(Stored data)
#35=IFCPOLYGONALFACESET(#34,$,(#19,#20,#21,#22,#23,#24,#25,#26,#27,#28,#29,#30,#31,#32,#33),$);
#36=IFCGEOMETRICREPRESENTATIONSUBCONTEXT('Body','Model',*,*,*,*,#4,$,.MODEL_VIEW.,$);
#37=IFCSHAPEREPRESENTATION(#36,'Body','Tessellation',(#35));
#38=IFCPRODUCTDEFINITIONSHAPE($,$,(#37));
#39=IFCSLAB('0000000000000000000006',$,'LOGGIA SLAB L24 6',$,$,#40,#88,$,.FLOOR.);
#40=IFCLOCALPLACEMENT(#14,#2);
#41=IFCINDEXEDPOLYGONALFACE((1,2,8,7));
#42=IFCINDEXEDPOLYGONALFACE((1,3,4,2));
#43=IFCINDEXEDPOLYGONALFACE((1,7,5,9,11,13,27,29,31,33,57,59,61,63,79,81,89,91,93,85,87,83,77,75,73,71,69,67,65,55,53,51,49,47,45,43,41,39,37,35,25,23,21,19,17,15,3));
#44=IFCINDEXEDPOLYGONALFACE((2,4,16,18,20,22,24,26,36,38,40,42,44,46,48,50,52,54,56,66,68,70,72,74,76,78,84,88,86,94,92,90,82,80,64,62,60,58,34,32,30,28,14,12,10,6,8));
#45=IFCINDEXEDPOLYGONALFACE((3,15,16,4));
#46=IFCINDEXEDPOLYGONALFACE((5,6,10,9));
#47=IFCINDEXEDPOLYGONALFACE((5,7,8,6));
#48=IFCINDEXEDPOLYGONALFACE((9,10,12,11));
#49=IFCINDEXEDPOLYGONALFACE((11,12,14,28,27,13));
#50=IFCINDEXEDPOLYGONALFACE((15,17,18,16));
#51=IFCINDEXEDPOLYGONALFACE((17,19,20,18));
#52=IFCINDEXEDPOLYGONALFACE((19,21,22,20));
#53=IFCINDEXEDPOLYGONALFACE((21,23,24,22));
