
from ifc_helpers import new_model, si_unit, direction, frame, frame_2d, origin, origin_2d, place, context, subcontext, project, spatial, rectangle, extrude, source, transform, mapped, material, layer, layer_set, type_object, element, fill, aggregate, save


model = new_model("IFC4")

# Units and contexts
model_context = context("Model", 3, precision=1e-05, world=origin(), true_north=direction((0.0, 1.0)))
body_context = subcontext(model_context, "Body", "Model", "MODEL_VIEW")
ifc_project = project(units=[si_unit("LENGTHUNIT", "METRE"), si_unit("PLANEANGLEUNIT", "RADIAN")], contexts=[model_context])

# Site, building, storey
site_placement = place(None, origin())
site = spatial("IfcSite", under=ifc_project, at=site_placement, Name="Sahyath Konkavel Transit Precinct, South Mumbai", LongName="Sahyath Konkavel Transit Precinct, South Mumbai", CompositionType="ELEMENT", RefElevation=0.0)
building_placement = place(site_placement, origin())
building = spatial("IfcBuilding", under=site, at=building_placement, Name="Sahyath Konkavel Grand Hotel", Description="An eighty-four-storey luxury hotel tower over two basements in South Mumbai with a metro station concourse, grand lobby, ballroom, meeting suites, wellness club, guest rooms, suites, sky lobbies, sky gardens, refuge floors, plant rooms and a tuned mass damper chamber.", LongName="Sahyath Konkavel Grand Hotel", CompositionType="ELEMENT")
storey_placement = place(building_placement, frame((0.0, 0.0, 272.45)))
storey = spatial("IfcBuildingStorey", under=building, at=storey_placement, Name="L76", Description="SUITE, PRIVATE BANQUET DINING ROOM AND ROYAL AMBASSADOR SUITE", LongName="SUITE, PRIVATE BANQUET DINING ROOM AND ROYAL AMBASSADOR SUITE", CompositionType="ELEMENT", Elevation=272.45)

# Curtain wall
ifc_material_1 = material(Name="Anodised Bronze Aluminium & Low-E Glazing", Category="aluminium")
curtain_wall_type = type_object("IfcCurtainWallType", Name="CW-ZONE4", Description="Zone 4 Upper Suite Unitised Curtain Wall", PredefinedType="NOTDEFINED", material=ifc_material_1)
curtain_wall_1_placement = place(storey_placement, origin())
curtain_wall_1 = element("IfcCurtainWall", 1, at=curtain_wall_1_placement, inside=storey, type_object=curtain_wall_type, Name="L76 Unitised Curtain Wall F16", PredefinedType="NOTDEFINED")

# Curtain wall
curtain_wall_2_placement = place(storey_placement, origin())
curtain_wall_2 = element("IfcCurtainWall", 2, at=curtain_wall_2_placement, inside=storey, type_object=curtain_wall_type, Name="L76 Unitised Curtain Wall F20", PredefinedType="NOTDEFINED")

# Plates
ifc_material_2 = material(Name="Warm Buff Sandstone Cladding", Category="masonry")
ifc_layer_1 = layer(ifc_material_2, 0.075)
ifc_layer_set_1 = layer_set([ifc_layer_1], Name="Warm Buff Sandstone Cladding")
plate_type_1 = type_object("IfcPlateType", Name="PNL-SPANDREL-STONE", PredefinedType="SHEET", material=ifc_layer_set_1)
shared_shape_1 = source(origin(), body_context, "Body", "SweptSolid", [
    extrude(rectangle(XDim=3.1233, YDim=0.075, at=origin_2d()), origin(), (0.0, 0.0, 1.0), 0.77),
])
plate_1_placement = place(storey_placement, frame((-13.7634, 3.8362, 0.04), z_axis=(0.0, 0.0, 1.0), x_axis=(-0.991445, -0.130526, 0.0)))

Work required: Go through the records and output them all, word for word.

Task answer:
#35=IFCPOLYGONALFACESET(#34,$,(#19,#20,#21,#22,#23,#24,#25,#26,#27,#28,#29,#30,#31,#32,#33),$);
#36=IFCGEOMETRICREPRESENTATIONSUBCONTEXT('Body','Model',*,*,*,*,#4,$,.MODEL_VIEW.,$);
#37=IFCSHAPEREPRESENTATION(#36,'Body','Tessellation',(#35));
#38=IFCPRODUCTDEFINITIONSHAPE($,$,(#37));
#39=IFCSLAB('0000000000000000000006',$,'LOGGIA SLAB L24 6',$,$,#40,#88,$,.FLOOR.);
#40=IFCLOCALPLACEMENT(#14,#2);
#41=IFCINDEXEDPOLYGONALFACE((1,2,8,7));
#42=IFCINDEXEDPOLYGONALFACE((1,3,4,2));
#43=IFCINDEXEDPOLYGONALFACE((1,7,5,9,11,13,27,29,31,33,57,59,61,63,79,81,89,91,93,85,87,83,77,75,73,71,69,67,65,55,53,51,49,47,45,43,41,39,37,35,25,23,21,19,17,15,3));
#44=IFCINDEXEDPOLYGONALFACE((2,4,16,18,20,22,24,26,36,38,40,42,44,46,48,50,52,54,56,66,68,70,72,74,76,78,84,88,86,94,92,90,82,80,64,62,60,58,34,32,30,28,14,12,10,6,8));
#45=IFCINDEXEDPOLYGONALFACE((3,15,16,4));
#46=IFCINDEXEDPOLYGONALFACE((5,6,10,9));
#47=IFCINDEXEDPOLYGONALFACE((5,7,8,6));
#48=IFCINDEXEDPOLYGONALFACE((9,10,12,11));
#49=IFCINDEXEDPOLYGONALFACE((11,12,14,28,27,13));
#50=IFCINDEXEDPOLYGONALFACE((15,17,18,16));
#51=IFCINDEXEDPOLYGONALFACE((17,19,20,18));
#52=IFCINDEXEDPOLYGONALFACE((19,21,22,20));
#53=IFCINDEXEDPOLYGONALFACE((21,23,24,22));

from ifc_helpers import new_model, si_unit, direction, frame, frame_2d, origin, origin_2d, place, context, subcontext, project, spatial, rectangle, extrude, source, transform, mapped, material, layer, layer_set, type_object, element, fill, aggregate, save


model = new_model("IFC4")

# Units and contexts
model_context = context("Model", 3, precision=1e-05, world=origin(), true_north=direction((0.0, 1.0)))
body_context = subcontext(model_context, "Body", "Model", "MODEL_VIEW")
ifc_project = project(units=[si_unit("LENGTHUNIT", "METRE"), si_unit("PLANEANGLEUNIT", "RADIAN")], contexts=[model_context])

# Site, building, storey
site_placement = place(None, origin())
site = spatial("IfcSite", under=ifc_project, at=site_placement, Name="Sahyath Konkavel Transit Precinct, South Mumbai", LongName="Sahyath Konkavel Transit Precinct, South Mumbai", CompositionType="ELEMENT", RefElevation=0.0)
building_placement = place(site_placement, origin())
building = spatial("IfcBuilding", under=site, at=building_placement, Name="Sahyath Konkavel Grand Hotel", Description="An eighty-four-storey luxury hotel tower over two basements in South Mumbai with a metro station concourse, grand lobby, ballroom, meeting suites, wellness club, guest rooms, suites, sky lobbies, sky gardens, refuge floors, plant rooms and a tuned mass damper chamber.", LongName="Sahyath Konkavel Grand Hotel", CompositionType="ELEMENT")
storey_placement = place(building_placement, frame((0.0, 0.0, 272.45)))
storey = spatial("IfcBuildingStorey", under=building, at=storey_placement, Name="L76", Description="SUITE, PRIVATE BANQUET DINING ROOM AND ROYAL AMBASSADOR SUITE", LongName="SUITE, PRIVATE BANQUET DINING ROOM AND ROYAL AMBASSADOR SUITE", CompositionType="ELEMENT", Elevation=272.45)

# Curtain wall
ifc_material_1 = material(Name="Anodised Bronze Aluminium & Low-E Glazing", Category="aluminium")
curtain_wall_type = type_object("IfcCurtainWallType", Name="CW-ZONE4", Description="Zone 4 Upper Suite Unitised Curtain Wall", PredefinedType="NOTDEFINED", material=ifc_material_1)
curtain_wall_1_placement = place(storey_placement, origin())
curtain_wall_1 = element("IfcCurtainWall", 1, at=curtain_wall_1_placement, inside=storey, type_object=curtain_wall_type, Name="L76 Unitised Curtain Wall F16", PredefinedType="NOTDEFINED")

# Curtain wall
curtain_wall_2_placement = place(storey_placement, origin())
curtain_wall_2 = element("IfcCurtainWall", 2, at=curtain_wall_2_placement, inside=storey, type_object=curtain_wall_type, Name="L76 Unitised Curtain Wall F20", PredefinedType="NOTDEFINED")

# Plates
ifc_material_2 = material(Name="Warm Buff Sandstone Cladding", Category="masonry")
ifc_layer_1 = layer(ifc_material_2, 0.075)
ifc_layer_set_1 = layer_set([ifc_layer_1], Name="Warm Buff Sandstone Cladding")
plate_type_1 = type_object("IfcPlateType", Name="PNL-SPANDREL-STONE", PredefinedType="SHEET", material=ifc_layer_set_1)
shared_shape_1 = source(origin(), body_context, "Body", "SweptSolid", [
    extrude(rectangle(XDim=3.1233, YDim=0.075, at=origin_2d()), origin(), (0.0, 0.0, 1.0), 0.77),
])
plate_1_placement = place(storey_placement, frame((-13.7634, 3.8362, 0.04), z_axis=(0.0, 0.0, 1.0), x_axis=(-0.991445, -0.130526, 0.0)))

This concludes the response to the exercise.